• **Brief**
Starting at the line that contains "#33=IFCINDEXEDPOLYGONALFACE((1,3,7,5));" and ending at the line that contains "#37=IFCINDEXEDPOLYGONALFACE((5,7,8,6));", the lines below are to be given again exactly, with nothing added.

(Beginning of Supplied records)

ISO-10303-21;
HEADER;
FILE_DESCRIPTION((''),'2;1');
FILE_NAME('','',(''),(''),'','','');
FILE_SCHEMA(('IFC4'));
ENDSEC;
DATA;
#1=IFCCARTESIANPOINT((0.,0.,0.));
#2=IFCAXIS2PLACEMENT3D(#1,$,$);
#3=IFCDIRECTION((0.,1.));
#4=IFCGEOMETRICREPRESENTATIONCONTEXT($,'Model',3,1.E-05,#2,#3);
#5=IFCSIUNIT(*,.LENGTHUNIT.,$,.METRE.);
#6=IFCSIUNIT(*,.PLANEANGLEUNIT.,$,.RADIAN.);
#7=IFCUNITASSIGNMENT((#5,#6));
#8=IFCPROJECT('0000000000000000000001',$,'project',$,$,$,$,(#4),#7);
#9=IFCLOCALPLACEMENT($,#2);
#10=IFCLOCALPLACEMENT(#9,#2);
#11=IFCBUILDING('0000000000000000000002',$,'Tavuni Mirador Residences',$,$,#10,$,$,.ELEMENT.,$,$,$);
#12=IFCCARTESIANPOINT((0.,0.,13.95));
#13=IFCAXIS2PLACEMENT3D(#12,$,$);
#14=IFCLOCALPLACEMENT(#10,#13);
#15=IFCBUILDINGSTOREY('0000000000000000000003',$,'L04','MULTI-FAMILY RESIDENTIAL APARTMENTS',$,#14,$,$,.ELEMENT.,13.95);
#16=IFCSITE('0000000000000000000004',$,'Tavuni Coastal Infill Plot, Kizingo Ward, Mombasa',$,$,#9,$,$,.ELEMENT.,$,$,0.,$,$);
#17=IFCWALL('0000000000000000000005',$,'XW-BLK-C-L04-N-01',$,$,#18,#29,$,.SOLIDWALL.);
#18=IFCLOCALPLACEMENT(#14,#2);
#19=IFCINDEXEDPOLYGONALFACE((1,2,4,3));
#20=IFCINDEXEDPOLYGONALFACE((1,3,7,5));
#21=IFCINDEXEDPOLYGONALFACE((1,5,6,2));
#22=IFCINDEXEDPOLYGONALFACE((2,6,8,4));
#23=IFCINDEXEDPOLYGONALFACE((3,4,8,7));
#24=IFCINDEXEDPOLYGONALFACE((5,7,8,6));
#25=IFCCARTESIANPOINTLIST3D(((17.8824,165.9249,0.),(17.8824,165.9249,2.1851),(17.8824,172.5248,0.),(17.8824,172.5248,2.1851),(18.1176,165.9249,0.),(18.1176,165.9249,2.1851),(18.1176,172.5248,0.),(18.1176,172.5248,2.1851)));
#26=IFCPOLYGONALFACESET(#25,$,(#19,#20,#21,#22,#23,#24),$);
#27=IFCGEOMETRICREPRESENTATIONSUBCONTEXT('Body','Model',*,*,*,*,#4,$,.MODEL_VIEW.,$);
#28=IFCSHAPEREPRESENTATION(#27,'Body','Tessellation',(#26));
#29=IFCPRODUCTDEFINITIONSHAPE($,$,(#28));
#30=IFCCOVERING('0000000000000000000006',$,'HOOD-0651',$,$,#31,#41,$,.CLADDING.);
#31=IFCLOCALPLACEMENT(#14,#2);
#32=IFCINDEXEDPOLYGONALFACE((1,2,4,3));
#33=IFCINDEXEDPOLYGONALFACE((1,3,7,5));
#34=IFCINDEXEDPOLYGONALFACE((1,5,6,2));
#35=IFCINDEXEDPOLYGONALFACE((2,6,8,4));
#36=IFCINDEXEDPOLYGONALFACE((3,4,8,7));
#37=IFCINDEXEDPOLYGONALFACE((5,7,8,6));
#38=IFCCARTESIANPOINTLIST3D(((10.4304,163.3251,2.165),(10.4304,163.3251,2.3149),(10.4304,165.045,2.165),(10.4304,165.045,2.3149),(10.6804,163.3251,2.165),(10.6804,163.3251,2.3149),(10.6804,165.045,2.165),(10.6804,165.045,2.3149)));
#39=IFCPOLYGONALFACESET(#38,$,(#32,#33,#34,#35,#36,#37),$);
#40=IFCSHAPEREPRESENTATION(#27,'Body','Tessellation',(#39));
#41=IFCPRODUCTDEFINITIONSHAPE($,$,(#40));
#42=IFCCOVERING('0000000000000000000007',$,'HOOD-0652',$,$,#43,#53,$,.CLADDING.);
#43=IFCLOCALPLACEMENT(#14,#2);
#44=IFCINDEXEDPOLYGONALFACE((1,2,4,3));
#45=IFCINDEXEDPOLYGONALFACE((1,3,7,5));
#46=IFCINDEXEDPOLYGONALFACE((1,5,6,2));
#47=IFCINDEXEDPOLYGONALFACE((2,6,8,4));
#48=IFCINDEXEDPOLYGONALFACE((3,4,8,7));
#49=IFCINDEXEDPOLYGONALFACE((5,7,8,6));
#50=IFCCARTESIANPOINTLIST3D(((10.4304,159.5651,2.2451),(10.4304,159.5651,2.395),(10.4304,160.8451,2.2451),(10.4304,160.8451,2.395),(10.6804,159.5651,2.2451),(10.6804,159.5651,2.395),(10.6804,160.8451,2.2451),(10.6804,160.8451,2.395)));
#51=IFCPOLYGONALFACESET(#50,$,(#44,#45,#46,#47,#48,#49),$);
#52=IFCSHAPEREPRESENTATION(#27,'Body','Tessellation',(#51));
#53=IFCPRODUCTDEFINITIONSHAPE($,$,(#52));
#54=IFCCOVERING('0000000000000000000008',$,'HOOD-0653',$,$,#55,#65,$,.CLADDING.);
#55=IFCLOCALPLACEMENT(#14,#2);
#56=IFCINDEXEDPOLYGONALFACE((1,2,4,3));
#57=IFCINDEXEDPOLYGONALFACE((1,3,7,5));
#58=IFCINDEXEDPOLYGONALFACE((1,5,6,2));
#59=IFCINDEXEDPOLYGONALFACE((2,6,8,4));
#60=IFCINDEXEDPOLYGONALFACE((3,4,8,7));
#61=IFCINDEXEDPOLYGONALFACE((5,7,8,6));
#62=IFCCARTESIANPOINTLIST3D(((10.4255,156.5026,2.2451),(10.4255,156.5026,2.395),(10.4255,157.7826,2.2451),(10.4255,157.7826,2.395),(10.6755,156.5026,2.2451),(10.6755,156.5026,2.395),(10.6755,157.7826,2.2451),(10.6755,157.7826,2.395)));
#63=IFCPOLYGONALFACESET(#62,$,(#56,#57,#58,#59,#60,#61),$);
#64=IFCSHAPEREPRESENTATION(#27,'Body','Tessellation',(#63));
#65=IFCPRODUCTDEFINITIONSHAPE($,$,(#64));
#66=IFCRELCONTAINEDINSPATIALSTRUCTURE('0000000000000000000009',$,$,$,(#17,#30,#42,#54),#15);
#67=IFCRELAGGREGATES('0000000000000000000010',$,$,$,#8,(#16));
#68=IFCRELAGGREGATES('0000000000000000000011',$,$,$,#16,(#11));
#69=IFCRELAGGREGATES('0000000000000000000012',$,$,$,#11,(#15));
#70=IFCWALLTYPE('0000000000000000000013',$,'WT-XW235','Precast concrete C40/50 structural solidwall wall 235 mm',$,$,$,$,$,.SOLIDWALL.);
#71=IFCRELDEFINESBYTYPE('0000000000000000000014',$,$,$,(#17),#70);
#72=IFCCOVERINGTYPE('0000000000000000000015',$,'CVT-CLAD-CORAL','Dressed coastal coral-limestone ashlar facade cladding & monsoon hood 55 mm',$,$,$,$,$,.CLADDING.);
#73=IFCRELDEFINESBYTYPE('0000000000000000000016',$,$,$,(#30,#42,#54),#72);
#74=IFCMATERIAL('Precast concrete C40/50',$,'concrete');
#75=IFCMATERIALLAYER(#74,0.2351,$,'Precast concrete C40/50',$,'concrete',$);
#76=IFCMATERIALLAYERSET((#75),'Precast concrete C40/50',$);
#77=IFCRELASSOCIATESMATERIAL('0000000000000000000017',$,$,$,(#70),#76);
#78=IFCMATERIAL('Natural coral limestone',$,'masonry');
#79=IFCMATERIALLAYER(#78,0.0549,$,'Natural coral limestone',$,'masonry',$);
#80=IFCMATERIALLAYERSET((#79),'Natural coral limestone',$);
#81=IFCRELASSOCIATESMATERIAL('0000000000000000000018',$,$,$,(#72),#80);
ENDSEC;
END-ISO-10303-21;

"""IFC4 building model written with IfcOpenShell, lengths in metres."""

from ifc_helpers import new_model, si_unit, direction, frame, frame_2d, origin, origin_2d, place, context, subcontext, project, spatial, rectangle, extrude, material, layer, layer_set, type_object, element, save


model = new_model("IFC4")

# Units and contexts
model_context = context("Model", 3, precision=1e-05, world=origin(), true_north=direction((0.0, 1.0)))
body_context = subcontext(model_context, "Body", "Model", "MODEL_VIEW")
ifc_project = project(units=[si_unit("LENGTHUNIT", "METRE"), si_unit("PLANEANGLEUNIT", "RADIAN")], contexts=[model_context])

# Site, building, storey
site_placement = place(None, origin())
site = spatial("IfcSite", under=ifc_project, at=site_placement, Name="Tavuni Coastal Infill Plot, Kizingo Ward, Mombasa", CompositionType="ELEMENT", RefElevation=0.0)
building_placement = place(site_placement, origin())
building = spatial("IfcBuilding", under=site, at=building_placement, Name="Tavuni Mirador Residences", CompositionType="ELEMENT")
storey_placement = place(building_placement, frame((0.0, 0.0, 13.95)))
storey = spatial("IfcBuildingStorey", under=building, at=storey_placement, Name="L04", Description="MULTI-FAMILY RESIDENTIAL APARTMENTS", CompositionType="ELEMENT", Elevation=13.95)

# Shared definitions
ifc_material_1 = material(Name="Precast concrete C40/50", Category="concrete")

# Wall
ifc_layer_1 = layer(ifc_material_1, 0.2351, Name="Precast concrete C40/50", Category="concrete")
ifc_layer_set_1 = layer_set([ifc_layer_1], Name="Precast concrete C40/50")
wall_type_1 = type_object("IfcWallType", Name="WT-XW235", Description="Precast concrete C40/50 structural solidwall wall 235 mm", PredefinedType="SOLIDWALL", material=ifc_layer_set_1)
wall_1_placement = place(storey_placement, frame((18.0, 165.925, 0.0), z_axis=(0.0, 0.0, 1.0), x_axis=(0.0, 1.0, 0.0)))
element("IfcWall", 1, at=wall_1_placement, inside=storey, type_object=wall_type_1, Name="XW-BLK-C-L04-N-01", PredefinedType="SOLIDWALL", context=body_context, shape_type="SweptSolid", body=[
    extrude(rectangle(XDim=6.5999, YDim=0.2351, at=frame_2d((3.2998, 0.0))), origin(), (0.0, 0.0, 1.0), 2.1851),
])

# Coverings
ifc_material_2 = material(Name="Natural coral limestone", Category="masonry")
ifc_layer_2 = layer(ifc_material_2, 0.0549, Name="Natural coral limestone", Category="masonry")
ifc_layer_set_2 = layer_set([ifc_layer_2], Name="Natural coral limestone")
covering_type = type_object("IfcCoveringType", Name="CVT-CLAD-CORAL", Description="Dressed coastal coral-limestone ashlar facade cladding & monsoon hood 55 mm", PredefinedType="CLADDING", material=ifc_layer_set_2)
covering_placement = place(storey_placement, frame((10.5554, 164.1851, 2.165), z_axis=(0.0, 0.0, 1.0), x_axis=(0.0, -1.0, 0.0)))
element("IfcCovering", 2, at=covering_placement, inside=storey, type_object=covering_type, Name="HOOD-0651", PredefinedType="CLADDING", context=body_context, shape_type="SweptSolid", body=[
    extrude(rectangle(XDim=1.72, YDim=0.25, at=origin_2d()), origin(), (0.0, 0.0, 1.0), 0.1499),
])
for number, where, z_axis, x_axis, name in (
    (3, (10.5554, 160.2051, 2.2451), (0.0, 0.0, 1.0), (0.0, -1.0, 0.0), "HOOD-0652"),
    (4, (10.5505, 157.1426, 2.2451), (0.0, 0.0, 1.0), (0.0, -1.0, 0.0), "HOOD-0653"),
):
    element("IfcCovering", number, at=place(storey_placement, frame(where, z_axis=z_axis, x_axis=x_axis)), inside=storey, type_object=covering_type, Name=name, PredefinedType="CLADDING", context=body_context, shape_type="SweptSolid", body=[
        extrude(rectangle(XDim=1.28, YDim=0.25, at=origin_2d()), origin(), (0.0, 0.0, 1.0), 0.1499),
    ])

save(model, "model.ifc")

(End of Supplied records)

• **Solution to this problem**
#33=IFCINDEXEDPOLYGONALFACE((1,3,7,5));
#34=IFCINDEXEDPOLYGONALFACE((1,5,6,2));
#35=IFCINDEXEDPOLYGONALFACE((2,6,8,4));
#36=IFCINDEXEDPOLYGONALFACE((3,4,8,7));
#37=IFCINDEXEDPOLYGONALFACE((5,7,8,6));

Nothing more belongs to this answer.